_Activity_: Word for word, return the lines from the start of the entries below through the line that has "#179=IFCRELAGGREGATES('0000000000000000000015',$,$,$,#11,(#15));".

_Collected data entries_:
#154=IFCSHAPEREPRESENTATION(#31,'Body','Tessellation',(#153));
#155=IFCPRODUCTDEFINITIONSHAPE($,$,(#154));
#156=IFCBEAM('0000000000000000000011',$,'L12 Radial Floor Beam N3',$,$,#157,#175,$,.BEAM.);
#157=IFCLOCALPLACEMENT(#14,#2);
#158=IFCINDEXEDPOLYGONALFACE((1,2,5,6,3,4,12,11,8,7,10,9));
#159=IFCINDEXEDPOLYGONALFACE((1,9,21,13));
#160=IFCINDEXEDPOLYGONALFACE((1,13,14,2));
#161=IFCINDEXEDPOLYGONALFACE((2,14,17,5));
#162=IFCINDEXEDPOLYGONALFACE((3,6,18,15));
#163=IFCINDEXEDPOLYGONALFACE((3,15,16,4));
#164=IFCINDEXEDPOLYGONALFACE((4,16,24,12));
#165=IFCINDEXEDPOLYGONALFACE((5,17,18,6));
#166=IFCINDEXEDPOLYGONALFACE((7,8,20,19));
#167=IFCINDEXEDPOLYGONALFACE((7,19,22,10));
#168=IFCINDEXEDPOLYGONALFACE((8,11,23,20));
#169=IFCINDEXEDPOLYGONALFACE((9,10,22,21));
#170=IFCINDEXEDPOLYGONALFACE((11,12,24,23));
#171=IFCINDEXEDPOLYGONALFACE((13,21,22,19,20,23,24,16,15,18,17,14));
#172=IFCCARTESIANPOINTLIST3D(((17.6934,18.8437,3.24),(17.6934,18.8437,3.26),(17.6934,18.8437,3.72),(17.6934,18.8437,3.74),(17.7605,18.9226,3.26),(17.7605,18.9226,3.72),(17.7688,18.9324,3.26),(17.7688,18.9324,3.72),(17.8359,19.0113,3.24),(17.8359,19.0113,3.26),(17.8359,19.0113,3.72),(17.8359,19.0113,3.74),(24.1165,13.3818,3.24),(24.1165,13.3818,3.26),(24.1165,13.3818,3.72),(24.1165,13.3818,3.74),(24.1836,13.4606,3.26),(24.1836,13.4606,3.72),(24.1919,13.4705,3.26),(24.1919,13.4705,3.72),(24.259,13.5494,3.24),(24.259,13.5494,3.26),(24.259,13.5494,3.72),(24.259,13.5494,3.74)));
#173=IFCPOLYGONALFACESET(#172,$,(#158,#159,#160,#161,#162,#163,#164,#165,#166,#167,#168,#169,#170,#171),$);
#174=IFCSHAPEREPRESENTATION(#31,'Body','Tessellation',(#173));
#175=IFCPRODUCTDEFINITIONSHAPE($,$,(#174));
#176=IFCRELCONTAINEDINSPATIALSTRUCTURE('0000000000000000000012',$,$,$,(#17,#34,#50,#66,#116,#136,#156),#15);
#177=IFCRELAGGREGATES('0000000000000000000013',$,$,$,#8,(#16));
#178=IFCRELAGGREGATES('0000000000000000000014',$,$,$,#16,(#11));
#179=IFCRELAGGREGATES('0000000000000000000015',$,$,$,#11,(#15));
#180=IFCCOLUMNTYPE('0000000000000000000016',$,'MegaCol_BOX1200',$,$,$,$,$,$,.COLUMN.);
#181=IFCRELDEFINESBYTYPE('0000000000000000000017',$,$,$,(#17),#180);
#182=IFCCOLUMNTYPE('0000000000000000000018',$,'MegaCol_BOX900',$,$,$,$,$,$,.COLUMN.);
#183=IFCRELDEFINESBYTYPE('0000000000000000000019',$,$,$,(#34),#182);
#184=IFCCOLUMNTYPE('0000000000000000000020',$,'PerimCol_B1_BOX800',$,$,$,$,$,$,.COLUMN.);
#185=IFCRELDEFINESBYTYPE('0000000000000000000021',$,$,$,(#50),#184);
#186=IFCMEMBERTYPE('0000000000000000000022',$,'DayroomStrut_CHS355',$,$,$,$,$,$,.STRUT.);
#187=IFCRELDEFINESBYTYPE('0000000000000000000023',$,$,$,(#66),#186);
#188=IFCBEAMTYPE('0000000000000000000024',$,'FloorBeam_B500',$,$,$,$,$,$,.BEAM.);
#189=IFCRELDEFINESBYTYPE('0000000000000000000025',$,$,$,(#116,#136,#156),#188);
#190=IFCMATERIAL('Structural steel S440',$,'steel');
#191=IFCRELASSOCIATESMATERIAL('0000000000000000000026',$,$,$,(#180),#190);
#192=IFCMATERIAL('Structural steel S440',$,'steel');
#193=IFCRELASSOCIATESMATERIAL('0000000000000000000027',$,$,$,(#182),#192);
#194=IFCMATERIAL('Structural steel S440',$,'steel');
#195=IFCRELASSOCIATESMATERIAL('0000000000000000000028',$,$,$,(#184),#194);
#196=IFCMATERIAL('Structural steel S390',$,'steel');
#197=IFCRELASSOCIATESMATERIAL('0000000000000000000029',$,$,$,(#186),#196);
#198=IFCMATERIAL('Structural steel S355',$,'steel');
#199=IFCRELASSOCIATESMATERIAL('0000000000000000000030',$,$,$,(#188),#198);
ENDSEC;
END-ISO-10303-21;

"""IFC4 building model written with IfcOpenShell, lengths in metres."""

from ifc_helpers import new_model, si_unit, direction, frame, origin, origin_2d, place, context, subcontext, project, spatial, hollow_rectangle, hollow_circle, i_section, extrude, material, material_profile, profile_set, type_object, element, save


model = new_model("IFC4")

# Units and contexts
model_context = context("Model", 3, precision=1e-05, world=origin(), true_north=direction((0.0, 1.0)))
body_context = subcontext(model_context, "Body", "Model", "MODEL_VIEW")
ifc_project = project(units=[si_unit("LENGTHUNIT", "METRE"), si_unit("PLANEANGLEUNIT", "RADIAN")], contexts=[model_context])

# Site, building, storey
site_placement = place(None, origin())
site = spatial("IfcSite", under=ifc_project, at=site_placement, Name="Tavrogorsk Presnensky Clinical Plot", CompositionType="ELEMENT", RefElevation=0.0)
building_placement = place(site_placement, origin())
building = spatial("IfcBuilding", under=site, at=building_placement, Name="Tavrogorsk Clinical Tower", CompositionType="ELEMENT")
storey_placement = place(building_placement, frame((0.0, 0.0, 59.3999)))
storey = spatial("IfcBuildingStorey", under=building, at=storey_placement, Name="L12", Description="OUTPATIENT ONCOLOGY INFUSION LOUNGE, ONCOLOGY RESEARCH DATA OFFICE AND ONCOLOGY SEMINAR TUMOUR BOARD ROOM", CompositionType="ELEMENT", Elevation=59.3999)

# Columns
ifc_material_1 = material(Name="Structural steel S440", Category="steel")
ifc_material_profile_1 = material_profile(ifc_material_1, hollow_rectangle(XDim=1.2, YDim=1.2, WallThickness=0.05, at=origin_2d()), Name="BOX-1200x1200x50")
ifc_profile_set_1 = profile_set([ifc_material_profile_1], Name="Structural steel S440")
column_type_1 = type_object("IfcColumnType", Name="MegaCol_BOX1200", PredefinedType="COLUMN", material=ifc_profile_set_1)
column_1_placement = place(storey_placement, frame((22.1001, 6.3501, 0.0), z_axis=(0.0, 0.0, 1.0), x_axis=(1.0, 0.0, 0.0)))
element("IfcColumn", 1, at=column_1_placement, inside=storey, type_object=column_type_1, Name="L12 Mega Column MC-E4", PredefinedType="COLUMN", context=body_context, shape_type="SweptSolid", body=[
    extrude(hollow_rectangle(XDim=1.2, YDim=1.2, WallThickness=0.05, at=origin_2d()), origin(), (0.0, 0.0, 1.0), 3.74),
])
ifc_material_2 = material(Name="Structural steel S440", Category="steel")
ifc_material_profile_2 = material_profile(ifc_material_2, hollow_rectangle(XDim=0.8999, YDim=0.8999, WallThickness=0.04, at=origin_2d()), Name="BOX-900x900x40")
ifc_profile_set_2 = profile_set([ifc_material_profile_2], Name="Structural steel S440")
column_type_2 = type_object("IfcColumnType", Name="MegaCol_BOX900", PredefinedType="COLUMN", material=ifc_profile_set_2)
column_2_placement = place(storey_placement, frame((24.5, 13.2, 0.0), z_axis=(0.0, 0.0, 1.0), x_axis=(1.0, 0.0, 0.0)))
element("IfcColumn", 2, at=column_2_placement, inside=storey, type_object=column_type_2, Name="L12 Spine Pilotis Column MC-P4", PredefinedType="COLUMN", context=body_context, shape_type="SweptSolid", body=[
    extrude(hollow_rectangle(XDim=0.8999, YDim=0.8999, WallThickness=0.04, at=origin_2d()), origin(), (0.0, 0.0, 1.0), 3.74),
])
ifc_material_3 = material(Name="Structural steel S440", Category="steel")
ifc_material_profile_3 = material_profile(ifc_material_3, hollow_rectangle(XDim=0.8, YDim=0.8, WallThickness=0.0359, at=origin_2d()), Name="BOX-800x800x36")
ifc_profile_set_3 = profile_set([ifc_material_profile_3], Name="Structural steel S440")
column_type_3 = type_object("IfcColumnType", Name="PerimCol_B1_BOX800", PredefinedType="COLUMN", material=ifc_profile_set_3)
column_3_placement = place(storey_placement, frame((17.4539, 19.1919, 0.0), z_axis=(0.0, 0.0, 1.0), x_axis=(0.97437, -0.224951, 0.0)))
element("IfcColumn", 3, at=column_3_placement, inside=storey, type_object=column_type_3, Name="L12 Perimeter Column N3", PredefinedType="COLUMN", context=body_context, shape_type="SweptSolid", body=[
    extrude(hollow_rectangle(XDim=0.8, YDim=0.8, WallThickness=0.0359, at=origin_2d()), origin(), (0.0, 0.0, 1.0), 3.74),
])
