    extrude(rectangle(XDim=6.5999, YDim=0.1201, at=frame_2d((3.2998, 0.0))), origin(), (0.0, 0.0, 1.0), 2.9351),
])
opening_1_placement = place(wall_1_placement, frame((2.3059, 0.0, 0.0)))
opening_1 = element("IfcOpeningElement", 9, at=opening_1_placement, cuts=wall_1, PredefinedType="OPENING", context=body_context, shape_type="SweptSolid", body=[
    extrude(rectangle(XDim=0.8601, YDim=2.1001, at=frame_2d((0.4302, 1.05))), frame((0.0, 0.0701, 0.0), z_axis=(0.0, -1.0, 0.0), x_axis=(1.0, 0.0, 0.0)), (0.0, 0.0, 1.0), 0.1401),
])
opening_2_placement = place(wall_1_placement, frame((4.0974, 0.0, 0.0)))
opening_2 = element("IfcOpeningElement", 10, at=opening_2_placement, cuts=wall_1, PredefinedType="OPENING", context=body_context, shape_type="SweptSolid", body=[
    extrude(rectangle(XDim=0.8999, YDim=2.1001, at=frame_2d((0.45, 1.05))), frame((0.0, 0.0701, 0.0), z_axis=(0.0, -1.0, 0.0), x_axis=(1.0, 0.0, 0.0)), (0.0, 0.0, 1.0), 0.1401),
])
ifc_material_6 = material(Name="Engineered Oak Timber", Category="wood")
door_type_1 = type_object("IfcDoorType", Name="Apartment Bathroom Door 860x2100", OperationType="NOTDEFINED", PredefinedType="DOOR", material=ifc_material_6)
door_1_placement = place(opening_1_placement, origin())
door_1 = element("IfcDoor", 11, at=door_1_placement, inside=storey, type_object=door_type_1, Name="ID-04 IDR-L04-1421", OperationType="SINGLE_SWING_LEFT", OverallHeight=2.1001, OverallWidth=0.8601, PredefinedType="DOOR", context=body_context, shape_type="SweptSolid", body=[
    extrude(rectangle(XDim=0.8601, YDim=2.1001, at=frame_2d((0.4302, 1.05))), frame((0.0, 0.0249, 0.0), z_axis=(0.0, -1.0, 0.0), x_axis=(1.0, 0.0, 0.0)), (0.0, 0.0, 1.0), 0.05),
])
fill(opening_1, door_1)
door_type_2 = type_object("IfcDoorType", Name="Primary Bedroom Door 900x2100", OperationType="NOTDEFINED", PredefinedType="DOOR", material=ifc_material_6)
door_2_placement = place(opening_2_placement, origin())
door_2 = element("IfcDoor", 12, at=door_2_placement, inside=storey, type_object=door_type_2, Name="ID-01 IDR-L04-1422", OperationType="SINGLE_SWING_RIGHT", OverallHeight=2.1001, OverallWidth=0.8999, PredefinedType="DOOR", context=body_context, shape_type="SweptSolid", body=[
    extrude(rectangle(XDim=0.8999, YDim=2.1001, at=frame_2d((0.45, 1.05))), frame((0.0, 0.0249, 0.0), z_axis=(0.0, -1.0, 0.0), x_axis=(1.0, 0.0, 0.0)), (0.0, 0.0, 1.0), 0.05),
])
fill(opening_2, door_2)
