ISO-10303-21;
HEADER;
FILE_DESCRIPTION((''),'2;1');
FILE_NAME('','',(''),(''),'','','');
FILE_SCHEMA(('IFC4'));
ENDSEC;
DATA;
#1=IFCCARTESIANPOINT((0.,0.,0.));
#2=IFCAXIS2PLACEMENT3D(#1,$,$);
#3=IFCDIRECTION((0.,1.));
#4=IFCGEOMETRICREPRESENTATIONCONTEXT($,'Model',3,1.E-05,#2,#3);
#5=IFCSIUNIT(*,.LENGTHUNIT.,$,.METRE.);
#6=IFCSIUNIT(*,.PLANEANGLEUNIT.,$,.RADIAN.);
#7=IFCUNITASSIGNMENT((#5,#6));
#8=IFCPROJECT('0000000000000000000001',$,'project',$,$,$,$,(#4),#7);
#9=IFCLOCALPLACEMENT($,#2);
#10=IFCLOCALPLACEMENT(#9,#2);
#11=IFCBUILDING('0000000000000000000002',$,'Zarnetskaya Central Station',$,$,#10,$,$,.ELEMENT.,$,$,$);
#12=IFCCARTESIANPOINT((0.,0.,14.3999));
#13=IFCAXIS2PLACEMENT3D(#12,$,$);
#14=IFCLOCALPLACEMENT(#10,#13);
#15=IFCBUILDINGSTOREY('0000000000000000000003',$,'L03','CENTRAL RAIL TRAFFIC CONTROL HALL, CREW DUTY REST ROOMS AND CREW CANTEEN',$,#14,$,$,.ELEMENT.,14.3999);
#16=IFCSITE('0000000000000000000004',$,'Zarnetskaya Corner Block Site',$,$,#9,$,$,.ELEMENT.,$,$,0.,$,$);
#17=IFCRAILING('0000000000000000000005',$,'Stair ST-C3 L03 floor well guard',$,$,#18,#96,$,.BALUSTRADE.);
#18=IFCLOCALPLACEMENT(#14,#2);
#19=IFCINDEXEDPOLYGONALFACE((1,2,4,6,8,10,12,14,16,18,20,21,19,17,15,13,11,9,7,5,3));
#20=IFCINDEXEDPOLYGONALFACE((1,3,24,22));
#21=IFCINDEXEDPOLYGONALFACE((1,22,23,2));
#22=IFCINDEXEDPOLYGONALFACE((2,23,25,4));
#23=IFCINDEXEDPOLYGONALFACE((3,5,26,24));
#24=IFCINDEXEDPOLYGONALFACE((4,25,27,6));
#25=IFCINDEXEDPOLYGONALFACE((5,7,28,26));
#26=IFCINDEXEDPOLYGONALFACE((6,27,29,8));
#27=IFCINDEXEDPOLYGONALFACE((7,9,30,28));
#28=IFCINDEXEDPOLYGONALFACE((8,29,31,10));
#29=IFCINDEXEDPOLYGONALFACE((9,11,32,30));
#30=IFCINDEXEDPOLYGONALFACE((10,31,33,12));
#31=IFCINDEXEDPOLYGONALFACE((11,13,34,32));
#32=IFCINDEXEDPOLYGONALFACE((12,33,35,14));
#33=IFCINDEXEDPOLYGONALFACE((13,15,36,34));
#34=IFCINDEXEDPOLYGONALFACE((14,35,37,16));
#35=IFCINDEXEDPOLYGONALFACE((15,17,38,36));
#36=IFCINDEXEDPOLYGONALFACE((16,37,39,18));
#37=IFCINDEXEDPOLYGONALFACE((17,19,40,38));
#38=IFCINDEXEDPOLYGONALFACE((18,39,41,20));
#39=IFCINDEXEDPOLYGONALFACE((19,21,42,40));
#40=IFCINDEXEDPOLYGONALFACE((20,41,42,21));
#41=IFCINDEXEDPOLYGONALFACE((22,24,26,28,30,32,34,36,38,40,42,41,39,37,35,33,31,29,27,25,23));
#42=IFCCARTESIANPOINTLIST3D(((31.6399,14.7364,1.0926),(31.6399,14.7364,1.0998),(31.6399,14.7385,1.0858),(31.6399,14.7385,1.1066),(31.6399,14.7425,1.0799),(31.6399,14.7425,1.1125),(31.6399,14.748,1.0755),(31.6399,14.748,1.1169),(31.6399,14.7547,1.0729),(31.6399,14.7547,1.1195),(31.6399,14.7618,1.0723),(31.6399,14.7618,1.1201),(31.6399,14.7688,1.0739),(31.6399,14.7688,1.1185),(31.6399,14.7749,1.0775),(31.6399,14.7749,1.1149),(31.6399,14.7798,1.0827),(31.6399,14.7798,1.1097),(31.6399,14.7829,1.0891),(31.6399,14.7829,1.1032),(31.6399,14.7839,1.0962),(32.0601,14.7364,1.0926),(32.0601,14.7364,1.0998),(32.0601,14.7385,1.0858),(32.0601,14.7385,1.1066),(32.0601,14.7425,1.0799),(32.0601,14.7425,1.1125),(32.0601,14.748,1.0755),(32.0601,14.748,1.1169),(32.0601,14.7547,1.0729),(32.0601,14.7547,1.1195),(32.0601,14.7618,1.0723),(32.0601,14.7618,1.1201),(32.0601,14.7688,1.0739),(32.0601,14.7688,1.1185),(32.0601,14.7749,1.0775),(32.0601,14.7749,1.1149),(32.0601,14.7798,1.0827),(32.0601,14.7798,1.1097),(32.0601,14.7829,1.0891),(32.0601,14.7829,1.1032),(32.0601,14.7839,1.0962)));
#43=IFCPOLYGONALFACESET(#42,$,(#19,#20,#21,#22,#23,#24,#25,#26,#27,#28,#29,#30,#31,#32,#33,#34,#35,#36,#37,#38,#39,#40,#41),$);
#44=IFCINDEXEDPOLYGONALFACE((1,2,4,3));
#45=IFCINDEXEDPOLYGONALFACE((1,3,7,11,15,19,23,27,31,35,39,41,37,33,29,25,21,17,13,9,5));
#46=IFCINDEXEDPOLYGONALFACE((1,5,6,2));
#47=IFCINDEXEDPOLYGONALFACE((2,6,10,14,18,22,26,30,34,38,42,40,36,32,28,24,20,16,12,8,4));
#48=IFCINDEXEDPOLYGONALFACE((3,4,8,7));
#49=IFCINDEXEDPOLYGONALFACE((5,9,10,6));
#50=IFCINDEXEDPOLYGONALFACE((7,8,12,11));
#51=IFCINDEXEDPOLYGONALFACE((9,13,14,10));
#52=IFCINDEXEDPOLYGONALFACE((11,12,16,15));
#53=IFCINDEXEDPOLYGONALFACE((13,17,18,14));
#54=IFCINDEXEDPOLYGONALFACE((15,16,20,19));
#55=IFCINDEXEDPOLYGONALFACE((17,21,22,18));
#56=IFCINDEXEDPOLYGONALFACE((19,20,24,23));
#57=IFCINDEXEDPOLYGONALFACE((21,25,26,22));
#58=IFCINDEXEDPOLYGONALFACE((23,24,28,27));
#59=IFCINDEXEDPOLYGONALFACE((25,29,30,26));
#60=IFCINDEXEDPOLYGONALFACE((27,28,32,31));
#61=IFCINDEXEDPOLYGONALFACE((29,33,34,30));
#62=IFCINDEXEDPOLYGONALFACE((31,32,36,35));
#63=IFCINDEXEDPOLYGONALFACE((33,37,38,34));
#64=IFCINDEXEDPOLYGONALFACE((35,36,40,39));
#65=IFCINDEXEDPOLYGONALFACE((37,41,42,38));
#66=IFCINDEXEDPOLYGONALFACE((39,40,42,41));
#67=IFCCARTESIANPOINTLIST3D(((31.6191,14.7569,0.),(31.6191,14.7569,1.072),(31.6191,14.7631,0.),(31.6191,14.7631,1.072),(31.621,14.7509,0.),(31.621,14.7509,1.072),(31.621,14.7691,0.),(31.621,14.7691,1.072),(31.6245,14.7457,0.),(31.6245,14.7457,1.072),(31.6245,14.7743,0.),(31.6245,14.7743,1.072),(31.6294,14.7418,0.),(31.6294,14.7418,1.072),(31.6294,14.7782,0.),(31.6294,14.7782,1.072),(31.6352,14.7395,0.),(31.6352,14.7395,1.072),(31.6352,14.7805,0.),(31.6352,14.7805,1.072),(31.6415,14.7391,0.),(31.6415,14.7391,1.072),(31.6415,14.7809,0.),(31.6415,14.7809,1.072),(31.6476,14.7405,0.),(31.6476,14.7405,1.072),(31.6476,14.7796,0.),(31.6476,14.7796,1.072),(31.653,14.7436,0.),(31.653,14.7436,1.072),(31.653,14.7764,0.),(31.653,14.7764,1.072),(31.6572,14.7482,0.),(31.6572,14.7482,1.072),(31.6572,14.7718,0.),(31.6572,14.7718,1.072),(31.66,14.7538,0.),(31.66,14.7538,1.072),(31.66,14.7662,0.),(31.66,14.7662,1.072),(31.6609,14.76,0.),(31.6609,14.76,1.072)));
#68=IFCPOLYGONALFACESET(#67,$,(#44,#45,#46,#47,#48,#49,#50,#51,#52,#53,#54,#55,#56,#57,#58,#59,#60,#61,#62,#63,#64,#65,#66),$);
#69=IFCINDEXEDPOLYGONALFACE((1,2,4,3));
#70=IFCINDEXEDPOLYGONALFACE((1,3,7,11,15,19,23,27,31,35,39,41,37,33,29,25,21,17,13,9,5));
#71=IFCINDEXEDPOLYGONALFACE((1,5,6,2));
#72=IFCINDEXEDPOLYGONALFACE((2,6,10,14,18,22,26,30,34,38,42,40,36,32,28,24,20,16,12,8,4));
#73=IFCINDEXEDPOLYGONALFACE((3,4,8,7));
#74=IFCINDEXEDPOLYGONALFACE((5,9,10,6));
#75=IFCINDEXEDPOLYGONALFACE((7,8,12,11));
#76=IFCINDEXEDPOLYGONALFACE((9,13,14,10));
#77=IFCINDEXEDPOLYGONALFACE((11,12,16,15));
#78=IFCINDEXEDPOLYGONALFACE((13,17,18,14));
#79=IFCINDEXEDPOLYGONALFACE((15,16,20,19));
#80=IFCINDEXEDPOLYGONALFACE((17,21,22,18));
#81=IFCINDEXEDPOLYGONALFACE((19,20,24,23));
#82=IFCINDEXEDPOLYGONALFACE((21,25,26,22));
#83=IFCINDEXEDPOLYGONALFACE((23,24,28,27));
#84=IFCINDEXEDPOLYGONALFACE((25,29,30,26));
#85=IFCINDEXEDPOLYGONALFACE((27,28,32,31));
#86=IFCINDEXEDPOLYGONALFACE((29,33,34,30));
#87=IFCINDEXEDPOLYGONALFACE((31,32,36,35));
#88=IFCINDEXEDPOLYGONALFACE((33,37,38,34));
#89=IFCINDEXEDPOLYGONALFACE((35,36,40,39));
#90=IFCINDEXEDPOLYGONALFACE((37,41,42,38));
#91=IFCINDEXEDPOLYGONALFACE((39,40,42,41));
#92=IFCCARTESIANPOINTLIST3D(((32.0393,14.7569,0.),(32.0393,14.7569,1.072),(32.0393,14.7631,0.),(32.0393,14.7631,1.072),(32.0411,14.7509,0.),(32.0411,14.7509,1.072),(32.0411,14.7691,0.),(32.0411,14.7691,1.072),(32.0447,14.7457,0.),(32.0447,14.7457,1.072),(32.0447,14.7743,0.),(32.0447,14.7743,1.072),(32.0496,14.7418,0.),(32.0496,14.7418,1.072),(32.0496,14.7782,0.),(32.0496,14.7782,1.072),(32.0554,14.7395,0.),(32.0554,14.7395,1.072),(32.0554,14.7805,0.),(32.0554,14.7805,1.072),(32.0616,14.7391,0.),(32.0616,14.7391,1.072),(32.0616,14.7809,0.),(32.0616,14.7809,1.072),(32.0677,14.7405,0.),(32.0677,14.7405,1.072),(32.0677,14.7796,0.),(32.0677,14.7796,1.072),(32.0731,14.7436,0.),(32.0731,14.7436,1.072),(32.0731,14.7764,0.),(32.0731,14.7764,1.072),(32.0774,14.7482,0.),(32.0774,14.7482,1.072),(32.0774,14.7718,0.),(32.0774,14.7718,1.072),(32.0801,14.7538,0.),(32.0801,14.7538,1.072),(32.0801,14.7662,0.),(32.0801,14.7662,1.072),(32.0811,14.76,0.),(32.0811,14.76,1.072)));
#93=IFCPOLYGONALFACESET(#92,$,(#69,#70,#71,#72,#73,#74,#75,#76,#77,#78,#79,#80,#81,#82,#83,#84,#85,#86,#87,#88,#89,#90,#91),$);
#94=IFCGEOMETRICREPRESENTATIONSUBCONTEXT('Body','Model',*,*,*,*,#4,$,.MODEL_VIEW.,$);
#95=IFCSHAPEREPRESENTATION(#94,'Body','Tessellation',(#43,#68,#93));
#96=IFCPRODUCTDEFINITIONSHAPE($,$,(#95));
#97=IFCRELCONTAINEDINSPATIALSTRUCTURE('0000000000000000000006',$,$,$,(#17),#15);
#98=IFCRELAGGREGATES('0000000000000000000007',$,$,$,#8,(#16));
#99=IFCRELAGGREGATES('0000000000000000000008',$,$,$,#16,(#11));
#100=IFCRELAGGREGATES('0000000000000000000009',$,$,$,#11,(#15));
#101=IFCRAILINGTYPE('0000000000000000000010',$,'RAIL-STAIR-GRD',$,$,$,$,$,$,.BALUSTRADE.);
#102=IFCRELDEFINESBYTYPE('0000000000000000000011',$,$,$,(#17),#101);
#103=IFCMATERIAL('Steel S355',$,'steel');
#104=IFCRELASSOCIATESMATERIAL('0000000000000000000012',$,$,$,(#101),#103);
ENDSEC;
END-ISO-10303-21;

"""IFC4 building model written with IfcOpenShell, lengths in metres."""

from ifc_helpers import new_model, si_unit, direction, frame, origin, origin_2d, place, context, subcontext, project, spatial, circle, extrude, material, type_object, element, save


model = new_model("IFC4")

# Units and contexts
model_context = context("Model", 3, precision=1e-05, world=origin(), true_north=direction((0.0, 1.0)))
body_context = subcontext(model_context, "Body", "Model", "MODEL_VIEW")
ifc_project = project(units=[si_unit("LENGTHUNIT", "METRE"), si_unit("PLANEANGLEUNIT", "RADIAN")], contexts=[model_context])

# Site, building, storey
site_placement = place(None, origin())
site = spatial("IfcSite", under=ifc_project, at=site_placement, Name="Zarnetskaya Corner Block Site", CompositionType="ELEMENT", RefElevation=0.0)
building_placement = place(site_placement, origin())
building = spatial("IfcBuilding", under=site, at=building_placement, Name="Zarnetskaya Central Station", CompositionType="ELEMENT")
storey_placement = place(building_placement, frame((0.0, 0.0, 14.3999)))
storey = spatial("IfcBuildingStorey", under=building, at=storey_placement, Name="L03", Description="CENTRAL RAIL TRAFFIC CONTROL HALL, CREW DUTY REST ROOMS AND CREW CANTEEN", CompositionType="ELEMENT", Elevation=14.3999)

# Shared definitions
ifc_material_1 = material(Name="Steel S355", Category="steel")

# Railing
railing_type_1 = type_object("IfcRailingType", Name="RAIL-STAIR-GRD", PredefinedType="BALUSTRADE", material=ifc_material_1)
railing_1_placement = place(storey_placement, frame((31.6399, 14.76, 0.0)))
element("IfcRailing", 1, at=railing_1_placement, inside=storey, type_object=railing_type_1, Name="Stair ST-C3 L03 floor well guard", PredefinedType="BALUSTRADE", context=body_context, shape_type="SweptSolid", body=[
    extrude(circle(Radius=0.0239, at=origin_2d()), frame((0.0, 0.0, 1.0962), z_axis=(1.0, 0.0, 0.0), x_axis=(0.0, 1.0, 0.0)), (0.0, 0.0, 1.0), 0.4202),
    extrude(circle(Radius=0.021, at=origin_2d()), origin(), (0.0, 0.0, 1.0), 1.072),
    extrude(circle(Radius=0.021, at=origin_2d()), frame((0.4202, 0.0, 0.0)), (0.0, 0.0, 1.0), 1.072),
])

save(model, "model.ifc")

_Written response_:
#154=IFCSHAPEREPRESENTATION(#31,'Body','Tessellation',(#153));
#155=IFCPRODUCTDEFINITIONSHAPE($,$,(#154));
#156=IFCBEAM('0000000000000000000011',$,'L12 Radial Floor Beam N3',$,$,#157,#175,$,.BEAM.);
#157=IFCLOCALPLACEMENT(#14,#2);
#158=IFCINDEXEDPOLYGONALFACE((1,2,5,6,3,4,12,11,8,7,10,9));
#159=IFCINDEXEDPOLYGONALFACE((1,9,21,13));
#160=IFCINDEXEDPOLYGONALFACE((1,13,14,2));
#161=IFCINDEXEDPOLYGONALFACE((2,14,17,5));
#162=IFCINDEXEDPOLYGONALFACE((3,6,18,15));
#163=IFCINDEXEDPOLYGONALFACE((3,15,16,4));
#164=IFCINDEXEDPOLYGONALFACE((4,16,24,12));
#165=IFCINDEXEDPOLYGONALFACE((5,17,18,6));
#166=IFCINDEXEDPOLYGONALFACE((7,8,20,19));
#167=IFCINDEXEDPOLYGONALFACE((7,19,22,10));
#168=IFCINDEXEDPOLYGONALFACE((8,11,23,20));
#169=IFCINDEXEDPOLYGONALFACE((9,10,22,21));
#170=IFCINDEXEDPOLYGONALFACE((11,12,24,23));
#171=IFCINDEXEDPOLYGONALFACE((13,21,22,19,20,23,24,16,15,18,17,14));
#172=IFCCARTESIANPOINTLIST3D(((17.6934,18.8437,3.24),(17.6934,18.8437,3.26),(17.6934,18.8437,3.72),(17.6934,18.8437,3.74),(17.7605,18.9226,3.26),(17.7605,18.9226,3.72),(17.7688,18.9324,3.26),(17.7688,18.9324,3.72),(17.8359,19.0113,3.24),(17.8359,19.0113,3.26),(17.8359,19.0113,3.72),(17.8359,19.0113,3.74),(24.1165,13.3818,3.24),(24.1165,13.3818,3.26),(24.1165,13.3818,3.72),(24.1165,13.3818,3.74),(24.1836,13.4606,3.26),(24.1836,13.4606,3.72),(24.1919,13.4705,3.26),(24.1919,13.4705,3.72),(24.259,13.5494,3.24),(24.259,13.5494,3.26),(24.259,13.5494,3.72),(24.259,13.5494,3.74)));
#173=IFCPOLYGONALFACESET(#172,$,(#158,#159,#160,#161,#162,#163,#164,#165,#166,#167,#168,#169,#170,#171),$);
#174=IFCSHAPEREPRESENTATION(#31,'Body','Tessellation',(#173));
#175=IFCPRODUCTDEFINITIONSHAPE($,$,(#174));
#176=IFCRELCONTAINEDINSPATIALSTRUCTURE('0000000000000000000012',$,$,$,(#17,#34,#50,#66,#116,#136,#156),#15);
#177=IFCRELAGGREGATES('0000000000000000000013',$,$,$,#8,(#16));
#178=IFCRELAGGREGATES('0000000000000000000014',$,$,$,#16,(#11));
#179=IFCRELAGGREGATES('0000000000000000000015',$,$,$,#11,(#15));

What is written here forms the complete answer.